EXERCISE PROMPT: Every line between the top of the data below and the line with "frame((0.0, 0.0, 46.8)))", both ends included, must be retyped exactly.

PROVIDED RECORDS:
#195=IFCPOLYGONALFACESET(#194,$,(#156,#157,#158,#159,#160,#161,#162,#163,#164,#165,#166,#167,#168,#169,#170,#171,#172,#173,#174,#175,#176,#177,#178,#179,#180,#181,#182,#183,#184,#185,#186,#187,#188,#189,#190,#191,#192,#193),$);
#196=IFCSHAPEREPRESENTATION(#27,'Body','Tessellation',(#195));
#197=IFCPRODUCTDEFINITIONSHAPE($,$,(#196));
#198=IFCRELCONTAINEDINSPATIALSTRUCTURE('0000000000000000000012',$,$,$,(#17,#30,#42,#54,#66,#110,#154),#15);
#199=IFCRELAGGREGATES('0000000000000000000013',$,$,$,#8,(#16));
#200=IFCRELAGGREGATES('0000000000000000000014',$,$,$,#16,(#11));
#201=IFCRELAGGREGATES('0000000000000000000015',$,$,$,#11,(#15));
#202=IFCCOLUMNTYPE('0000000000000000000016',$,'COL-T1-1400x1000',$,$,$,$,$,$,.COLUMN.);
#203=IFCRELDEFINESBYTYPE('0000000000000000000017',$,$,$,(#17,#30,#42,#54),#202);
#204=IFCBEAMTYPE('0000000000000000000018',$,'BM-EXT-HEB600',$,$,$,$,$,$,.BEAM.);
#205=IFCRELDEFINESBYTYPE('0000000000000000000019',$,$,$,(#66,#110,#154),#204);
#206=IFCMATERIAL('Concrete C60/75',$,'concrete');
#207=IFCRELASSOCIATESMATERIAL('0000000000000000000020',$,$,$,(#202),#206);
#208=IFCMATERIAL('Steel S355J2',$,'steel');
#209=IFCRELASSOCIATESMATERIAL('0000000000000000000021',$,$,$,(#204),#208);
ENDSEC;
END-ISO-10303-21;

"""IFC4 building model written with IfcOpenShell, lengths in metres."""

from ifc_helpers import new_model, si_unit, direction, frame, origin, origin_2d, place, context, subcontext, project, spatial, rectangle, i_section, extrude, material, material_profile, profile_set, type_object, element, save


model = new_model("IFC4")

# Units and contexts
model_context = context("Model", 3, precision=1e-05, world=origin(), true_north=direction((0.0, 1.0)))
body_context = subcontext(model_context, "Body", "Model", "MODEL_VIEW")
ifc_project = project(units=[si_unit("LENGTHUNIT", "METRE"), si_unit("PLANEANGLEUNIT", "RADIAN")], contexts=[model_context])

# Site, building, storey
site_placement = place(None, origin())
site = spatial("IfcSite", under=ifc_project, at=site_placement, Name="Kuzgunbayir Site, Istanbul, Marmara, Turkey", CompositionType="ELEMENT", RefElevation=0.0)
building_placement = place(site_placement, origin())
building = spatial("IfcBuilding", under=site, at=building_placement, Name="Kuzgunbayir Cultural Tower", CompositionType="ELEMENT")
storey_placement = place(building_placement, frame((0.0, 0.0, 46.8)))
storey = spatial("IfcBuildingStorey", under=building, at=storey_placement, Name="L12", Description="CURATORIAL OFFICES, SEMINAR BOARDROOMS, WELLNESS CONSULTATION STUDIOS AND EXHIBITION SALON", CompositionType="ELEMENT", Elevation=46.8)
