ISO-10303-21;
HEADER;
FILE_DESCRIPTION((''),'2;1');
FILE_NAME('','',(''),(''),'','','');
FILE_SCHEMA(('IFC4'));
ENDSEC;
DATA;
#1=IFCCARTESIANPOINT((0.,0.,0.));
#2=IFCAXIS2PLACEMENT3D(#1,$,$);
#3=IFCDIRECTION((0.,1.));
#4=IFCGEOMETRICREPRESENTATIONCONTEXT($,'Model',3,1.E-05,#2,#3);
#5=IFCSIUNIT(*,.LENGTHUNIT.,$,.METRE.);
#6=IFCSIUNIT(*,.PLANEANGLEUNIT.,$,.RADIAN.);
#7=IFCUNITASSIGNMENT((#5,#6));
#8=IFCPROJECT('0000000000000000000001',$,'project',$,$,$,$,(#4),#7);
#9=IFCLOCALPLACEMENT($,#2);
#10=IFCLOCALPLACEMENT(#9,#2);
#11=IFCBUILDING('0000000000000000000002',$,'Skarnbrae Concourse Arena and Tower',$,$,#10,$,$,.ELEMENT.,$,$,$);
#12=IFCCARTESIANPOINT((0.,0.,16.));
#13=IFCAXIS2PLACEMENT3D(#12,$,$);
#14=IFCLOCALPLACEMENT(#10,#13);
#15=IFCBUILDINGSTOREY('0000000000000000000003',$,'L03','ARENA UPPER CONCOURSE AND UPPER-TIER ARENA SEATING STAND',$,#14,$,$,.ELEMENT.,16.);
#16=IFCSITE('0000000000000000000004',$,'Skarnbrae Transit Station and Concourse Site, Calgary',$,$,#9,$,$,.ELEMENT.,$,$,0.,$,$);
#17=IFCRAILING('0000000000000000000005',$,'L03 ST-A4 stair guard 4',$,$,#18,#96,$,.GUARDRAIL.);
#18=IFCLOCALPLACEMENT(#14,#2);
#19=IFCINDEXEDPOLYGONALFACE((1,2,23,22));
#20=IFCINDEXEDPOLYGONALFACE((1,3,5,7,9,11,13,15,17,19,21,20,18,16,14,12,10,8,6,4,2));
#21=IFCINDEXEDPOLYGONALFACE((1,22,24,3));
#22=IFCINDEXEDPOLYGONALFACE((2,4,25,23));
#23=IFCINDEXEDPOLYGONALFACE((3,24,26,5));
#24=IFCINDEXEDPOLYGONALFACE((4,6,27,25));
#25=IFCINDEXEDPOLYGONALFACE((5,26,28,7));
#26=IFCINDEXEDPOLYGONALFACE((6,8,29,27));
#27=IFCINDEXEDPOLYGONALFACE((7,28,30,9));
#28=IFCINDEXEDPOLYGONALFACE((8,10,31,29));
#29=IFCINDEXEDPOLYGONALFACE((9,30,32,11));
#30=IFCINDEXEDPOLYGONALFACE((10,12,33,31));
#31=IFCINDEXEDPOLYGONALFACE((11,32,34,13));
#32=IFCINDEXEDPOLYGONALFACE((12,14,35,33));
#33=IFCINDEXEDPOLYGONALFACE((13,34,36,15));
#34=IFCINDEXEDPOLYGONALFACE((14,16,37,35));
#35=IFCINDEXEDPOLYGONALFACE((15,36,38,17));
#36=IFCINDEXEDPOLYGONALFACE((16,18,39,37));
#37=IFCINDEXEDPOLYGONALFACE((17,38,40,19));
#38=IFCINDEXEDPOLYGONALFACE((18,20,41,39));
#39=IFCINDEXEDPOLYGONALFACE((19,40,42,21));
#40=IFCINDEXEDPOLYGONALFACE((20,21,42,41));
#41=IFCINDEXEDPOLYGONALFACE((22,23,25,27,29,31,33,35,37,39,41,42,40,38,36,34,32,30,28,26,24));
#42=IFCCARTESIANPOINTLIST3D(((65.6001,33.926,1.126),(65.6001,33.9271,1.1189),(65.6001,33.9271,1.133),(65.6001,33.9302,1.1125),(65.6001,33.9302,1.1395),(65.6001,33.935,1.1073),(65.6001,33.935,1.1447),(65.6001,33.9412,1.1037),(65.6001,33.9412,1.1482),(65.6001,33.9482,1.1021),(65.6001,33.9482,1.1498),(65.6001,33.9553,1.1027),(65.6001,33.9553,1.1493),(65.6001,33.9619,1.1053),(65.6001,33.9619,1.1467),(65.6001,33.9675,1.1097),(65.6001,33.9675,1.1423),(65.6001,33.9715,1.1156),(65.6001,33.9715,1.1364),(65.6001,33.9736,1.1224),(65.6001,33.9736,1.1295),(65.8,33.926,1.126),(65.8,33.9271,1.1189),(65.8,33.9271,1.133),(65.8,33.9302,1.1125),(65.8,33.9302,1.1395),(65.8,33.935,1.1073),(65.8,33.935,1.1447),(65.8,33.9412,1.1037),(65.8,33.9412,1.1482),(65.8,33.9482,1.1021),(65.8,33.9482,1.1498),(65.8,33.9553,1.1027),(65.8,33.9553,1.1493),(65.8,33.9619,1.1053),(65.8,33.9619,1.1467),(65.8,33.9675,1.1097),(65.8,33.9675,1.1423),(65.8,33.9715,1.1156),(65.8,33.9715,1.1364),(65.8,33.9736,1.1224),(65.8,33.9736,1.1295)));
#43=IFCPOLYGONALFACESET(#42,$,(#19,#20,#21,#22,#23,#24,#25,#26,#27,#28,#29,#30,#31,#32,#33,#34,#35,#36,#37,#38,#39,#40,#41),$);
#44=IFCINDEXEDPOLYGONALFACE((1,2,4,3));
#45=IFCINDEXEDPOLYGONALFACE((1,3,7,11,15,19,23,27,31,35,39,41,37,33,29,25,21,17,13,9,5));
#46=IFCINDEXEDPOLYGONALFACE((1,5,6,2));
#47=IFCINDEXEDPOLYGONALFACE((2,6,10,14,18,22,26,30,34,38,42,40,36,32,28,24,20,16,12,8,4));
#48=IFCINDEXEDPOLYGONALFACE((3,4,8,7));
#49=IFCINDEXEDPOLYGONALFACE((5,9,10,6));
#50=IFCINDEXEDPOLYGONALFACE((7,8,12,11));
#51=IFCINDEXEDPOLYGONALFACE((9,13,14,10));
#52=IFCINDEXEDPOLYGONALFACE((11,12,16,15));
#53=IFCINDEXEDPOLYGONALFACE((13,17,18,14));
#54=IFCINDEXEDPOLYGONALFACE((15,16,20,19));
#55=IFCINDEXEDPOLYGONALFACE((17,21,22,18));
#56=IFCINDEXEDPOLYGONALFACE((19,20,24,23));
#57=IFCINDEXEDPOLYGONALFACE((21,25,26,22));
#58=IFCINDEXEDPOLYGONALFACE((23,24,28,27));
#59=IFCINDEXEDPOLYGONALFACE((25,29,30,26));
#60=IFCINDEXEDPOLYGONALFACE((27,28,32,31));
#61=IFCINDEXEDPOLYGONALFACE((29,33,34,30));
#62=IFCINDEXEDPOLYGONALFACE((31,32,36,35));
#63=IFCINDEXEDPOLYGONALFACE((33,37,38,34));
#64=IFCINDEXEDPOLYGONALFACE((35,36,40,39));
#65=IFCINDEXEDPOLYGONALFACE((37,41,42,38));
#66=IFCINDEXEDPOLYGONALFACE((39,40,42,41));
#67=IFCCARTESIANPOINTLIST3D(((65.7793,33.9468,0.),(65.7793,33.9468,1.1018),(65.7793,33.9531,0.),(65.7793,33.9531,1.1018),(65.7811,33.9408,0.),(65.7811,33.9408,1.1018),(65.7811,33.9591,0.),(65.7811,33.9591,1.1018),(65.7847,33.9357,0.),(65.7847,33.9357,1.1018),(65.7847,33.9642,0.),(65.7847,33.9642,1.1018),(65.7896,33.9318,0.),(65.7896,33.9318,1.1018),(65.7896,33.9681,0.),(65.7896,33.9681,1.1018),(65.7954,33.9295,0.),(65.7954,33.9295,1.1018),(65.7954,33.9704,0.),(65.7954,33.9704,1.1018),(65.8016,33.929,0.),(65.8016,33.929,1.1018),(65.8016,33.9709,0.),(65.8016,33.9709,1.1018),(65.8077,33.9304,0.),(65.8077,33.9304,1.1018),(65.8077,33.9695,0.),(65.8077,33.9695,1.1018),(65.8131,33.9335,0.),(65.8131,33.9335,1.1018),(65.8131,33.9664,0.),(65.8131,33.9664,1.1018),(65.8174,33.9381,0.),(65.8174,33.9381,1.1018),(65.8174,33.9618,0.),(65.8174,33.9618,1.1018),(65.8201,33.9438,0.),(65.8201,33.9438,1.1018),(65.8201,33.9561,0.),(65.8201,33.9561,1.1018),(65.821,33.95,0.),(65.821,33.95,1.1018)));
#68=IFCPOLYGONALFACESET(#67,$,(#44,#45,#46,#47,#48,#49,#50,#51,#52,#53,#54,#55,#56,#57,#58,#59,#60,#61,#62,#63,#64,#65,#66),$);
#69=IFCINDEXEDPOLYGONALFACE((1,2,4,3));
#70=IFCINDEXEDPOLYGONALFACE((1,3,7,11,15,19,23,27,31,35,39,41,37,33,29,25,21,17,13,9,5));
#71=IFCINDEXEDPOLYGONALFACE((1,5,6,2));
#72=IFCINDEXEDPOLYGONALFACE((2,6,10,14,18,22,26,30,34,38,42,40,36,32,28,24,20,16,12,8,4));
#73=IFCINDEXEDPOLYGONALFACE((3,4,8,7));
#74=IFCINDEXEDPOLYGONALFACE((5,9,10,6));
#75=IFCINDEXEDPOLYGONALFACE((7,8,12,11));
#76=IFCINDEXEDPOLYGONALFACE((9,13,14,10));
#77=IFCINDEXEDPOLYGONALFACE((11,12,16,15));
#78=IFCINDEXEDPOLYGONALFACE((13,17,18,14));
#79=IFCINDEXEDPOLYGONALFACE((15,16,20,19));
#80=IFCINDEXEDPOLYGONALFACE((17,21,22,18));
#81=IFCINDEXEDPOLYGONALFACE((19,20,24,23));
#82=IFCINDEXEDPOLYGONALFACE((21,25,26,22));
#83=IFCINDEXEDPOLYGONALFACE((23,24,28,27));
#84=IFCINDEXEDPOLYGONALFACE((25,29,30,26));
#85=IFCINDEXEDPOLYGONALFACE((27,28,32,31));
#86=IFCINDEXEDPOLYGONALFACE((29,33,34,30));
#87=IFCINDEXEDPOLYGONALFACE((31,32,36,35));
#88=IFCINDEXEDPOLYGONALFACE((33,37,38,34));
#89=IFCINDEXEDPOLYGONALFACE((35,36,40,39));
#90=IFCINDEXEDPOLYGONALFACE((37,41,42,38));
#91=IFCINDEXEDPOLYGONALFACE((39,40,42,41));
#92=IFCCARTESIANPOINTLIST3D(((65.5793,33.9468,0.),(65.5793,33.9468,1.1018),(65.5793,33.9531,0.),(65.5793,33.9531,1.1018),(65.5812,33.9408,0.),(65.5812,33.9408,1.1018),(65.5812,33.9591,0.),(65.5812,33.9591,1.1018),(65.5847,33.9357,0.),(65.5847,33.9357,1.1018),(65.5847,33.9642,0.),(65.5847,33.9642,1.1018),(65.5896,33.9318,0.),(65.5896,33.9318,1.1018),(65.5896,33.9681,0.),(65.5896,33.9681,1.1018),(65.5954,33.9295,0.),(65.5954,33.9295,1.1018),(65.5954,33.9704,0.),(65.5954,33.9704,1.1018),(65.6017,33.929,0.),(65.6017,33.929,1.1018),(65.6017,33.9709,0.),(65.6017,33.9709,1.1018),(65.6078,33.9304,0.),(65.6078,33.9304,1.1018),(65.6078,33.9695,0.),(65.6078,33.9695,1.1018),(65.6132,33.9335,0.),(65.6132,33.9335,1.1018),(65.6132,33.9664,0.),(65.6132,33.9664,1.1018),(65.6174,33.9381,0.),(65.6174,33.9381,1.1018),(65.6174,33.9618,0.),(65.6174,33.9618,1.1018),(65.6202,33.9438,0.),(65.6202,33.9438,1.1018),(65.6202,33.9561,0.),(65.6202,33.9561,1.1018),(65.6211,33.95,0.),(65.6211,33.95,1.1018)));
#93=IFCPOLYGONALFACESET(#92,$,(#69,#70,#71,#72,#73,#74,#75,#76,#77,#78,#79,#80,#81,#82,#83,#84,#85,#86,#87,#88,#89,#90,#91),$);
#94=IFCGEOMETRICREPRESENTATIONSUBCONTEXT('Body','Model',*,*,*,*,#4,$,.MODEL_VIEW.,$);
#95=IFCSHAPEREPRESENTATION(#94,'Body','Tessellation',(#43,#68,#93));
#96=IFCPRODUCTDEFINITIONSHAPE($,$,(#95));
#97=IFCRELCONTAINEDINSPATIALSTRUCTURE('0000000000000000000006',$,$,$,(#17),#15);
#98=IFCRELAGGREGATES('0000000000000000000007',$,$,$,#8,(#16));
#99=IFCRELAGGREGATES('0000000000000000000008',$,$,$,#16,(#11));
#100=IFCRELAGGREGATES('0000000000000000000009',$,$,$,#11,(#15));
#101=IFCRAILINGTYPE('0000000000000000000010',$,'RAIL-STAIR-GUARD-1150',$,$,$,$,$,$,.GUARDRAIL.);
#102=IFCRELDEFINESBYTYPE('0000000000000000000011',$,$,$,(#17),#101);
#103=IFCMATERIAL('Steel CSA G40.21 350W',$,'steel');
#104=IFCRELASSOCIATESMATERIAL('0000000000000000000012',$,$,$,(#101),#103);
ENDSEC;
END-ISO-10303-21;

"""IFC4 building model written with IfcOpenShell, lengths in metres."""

from ifc_helpers import new_model, si_unit, direction, frame, origin, origin_2d, place, context, subcontext, project, spatial, circle, extrude, material, type_object, element, save


model = new_model("IFC4")

# Units and contexts
model_context = context("Model", 3, precision=1e-05, world=origin(), true_north=direction((0.0, 1.0)))
body_context = subcontext(model_context, "Body", "Model", "MODEL_VIEW")
ifc_project = project(units=[si_unit("LENGTHUNIT", "METRE"), si_unit("PLANEANGLEUNIT", "RADIAN")], contexts=[model_context])

# Site, building, storey
site_placement = place(None, origin())
site = spatial("IfcSite", under=ifc_project, at=site_placement, Name="Skarnbrae Transit Station and Concourse Site, Calgary", CompositionType="ELEMENT", RefElevation=0.0)
building_placement = place(site_placement, origin())
building = spatial("IfcBuilding", under=site, at=building_placement, Name="Skarnbrae Concourse Arena and Tower", CompositionType="ELEMENT")
storey_placement = place(building_placement, frame((0.0, 0.0, 16.0)))
storey = spatial("IfcBuildingStorey", under=building, at=storey_placement, Name="L03", Description="ARENA UPPER CONCOURSE AND UPPER-TIER ARENA SEATING STAND", CompositionType="ELEMENT", Elevation=16.0)

# Shared definitions
ifc_material_1 = material(Name="Steel CSA G40.21 350W", Category="steel")

# Railing
railing_type_1 = type_object("IfcRailingType", Name="RAIL-STAIR-GUARD-1150", PredefinedType="GUARDRAIL", material=ifc_material_1)
railing_1_placement = place(storey_placement, frame((65.8, 33.95, 0.0)))
element("IfcRailing", 1, at=railing_1_placement, inside=storey, type_object=railing_type_1, Name="L03 ST-A4 stair guard 4", PredefinedType="GUARDRAIL", context=body_context, shape_type="SweptSolid", body=[
    extrude(circle(Radius=0.0239, at=origin_2d()), frame((0.0, 0.0, 1.126), z_axis=(-1.0, 0.0, 0.0), x_axis=(0.0, -1.0, 0.0)), (0.0, 0.0, 1.0), 0.2),
    extrude(circle(Radius=0.021, at=origin_2d()), origin(), (0.0, 0.0, 1.0), 1.1018),
    extrude(circle(Radius=0.021, at=origin_2d()), frame((-0.2, 0.0, 0.0)), (0.0, 0.0, 1.0), 1.1018),
])

save(model, "model.ifc")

ANSWER TO THE EXERCISE:
#195=IFCPOLYGONALFACESET(#194,$,(#156,#157,#158,#159,#160,#161,#162,#163,#164,#165,#166,#167,#168,#169,#170,#171,#172,#173,#174,#175,#176,#177,#178,#179,#180,#181,#182,#183,#184,#185,#186,#187,#188,#189,#190,#191,#192,#193),$);
#196=IFCSHAPEREPRESENTATION(#27,'Body','Tessellation',(#195));
#197=IFCPRODUCTDEFINITIONSHAPE($,$,(#196));
#198=IFCRELCONTAINEDINSPATIALSTRUCTURE('0000000000000000000012',$,$,$,(#17,#30,#42,#54,#66,#110,#154),#15);
#199=IFCRELAGGREGATES('0000000000000000000013',$,$,$,#8,(#16));
#200=IFCRELAGGREGATES('0000000000000000000014',$,$,$,#16,(#11));
#201=IFCRELAGGREGATES('0000000000000000000015',$,$,$,#11,(#15));
#202=IFCCOLUMNTYPE('0000000000000000000016',$,'COL-T1-1400x1000',$,$,$,$,$,$,.COLUMN.);
#203=IFCRELDEFINESBYTYPE('0000000000000000000017',$,$,$,(#17,#30,#42,#54),#202);
#204=IFCBEAMTYPE('0000000000000000000018',$,'BM-EXT-HEB600',$,$,$,$,$,$,.BEAM.);
#205=IFCRELDEFINESBYTYPE('0000000000000000000019',$,$,$,(#66,#110,#154),#204);
#206=IFCMATERIAL('Concrete C60/75',$,'concrete');
#207=IFCRELASSOCIATESMATERIAL('0000000000000000000020',$,$,$,(#202),#206);
#208=IFCMATERIAL('Steel S355J2',$,'steel');
#209=IFCRELASSOCIATESMATERIAL('0000000000000000000021',$,$,$,(#204),#208);
ENDSEC;
END-ISO-10303-21;

"""IFC4 building model written with IfcOpenShell, lengths in metres."""

from ifc_helpers import new_model, si_unit, direction, frame, origin, origin_2d, place, context, subcontext, project, spatial, rectangle, i_section, extrude, material, material_profile, profile_set, type_object, element, save


model = new_model("IFC4")

# Units and contexts
model_context = context("Model", 3, precision=1e-05, world=origin(), true_north=direction((0.0, 1.0)))
body_context = subcontext(model_context, "Body", "Model", "MODEL_VIEW")
ifc_project = project(units=[si_unit("LENGTHUNIT", "METRE"), si_unit("PLANEANGLEUNIT", "RADIAN")], contexts=[model_context])

# Site, building, storey
site_placement = place(None, origin())
site = spatial("IfcSite", under=ifc_project, at=site_placement, Name="Kuzgunbayir Site, Istanbul, Marmara, Turkey", CompositionType="ELEMENT", RefElevation=0.0)
building_placement = place(site_placement, origin())
building = spatial("IfcBuilding", under=site, at=building_placement, Name="Kuzgunbayir Cultural Tower", CompositionType="ELEMENT")
storey_placement = place(building_placement, frame((0.0, 0.0, 46.8)))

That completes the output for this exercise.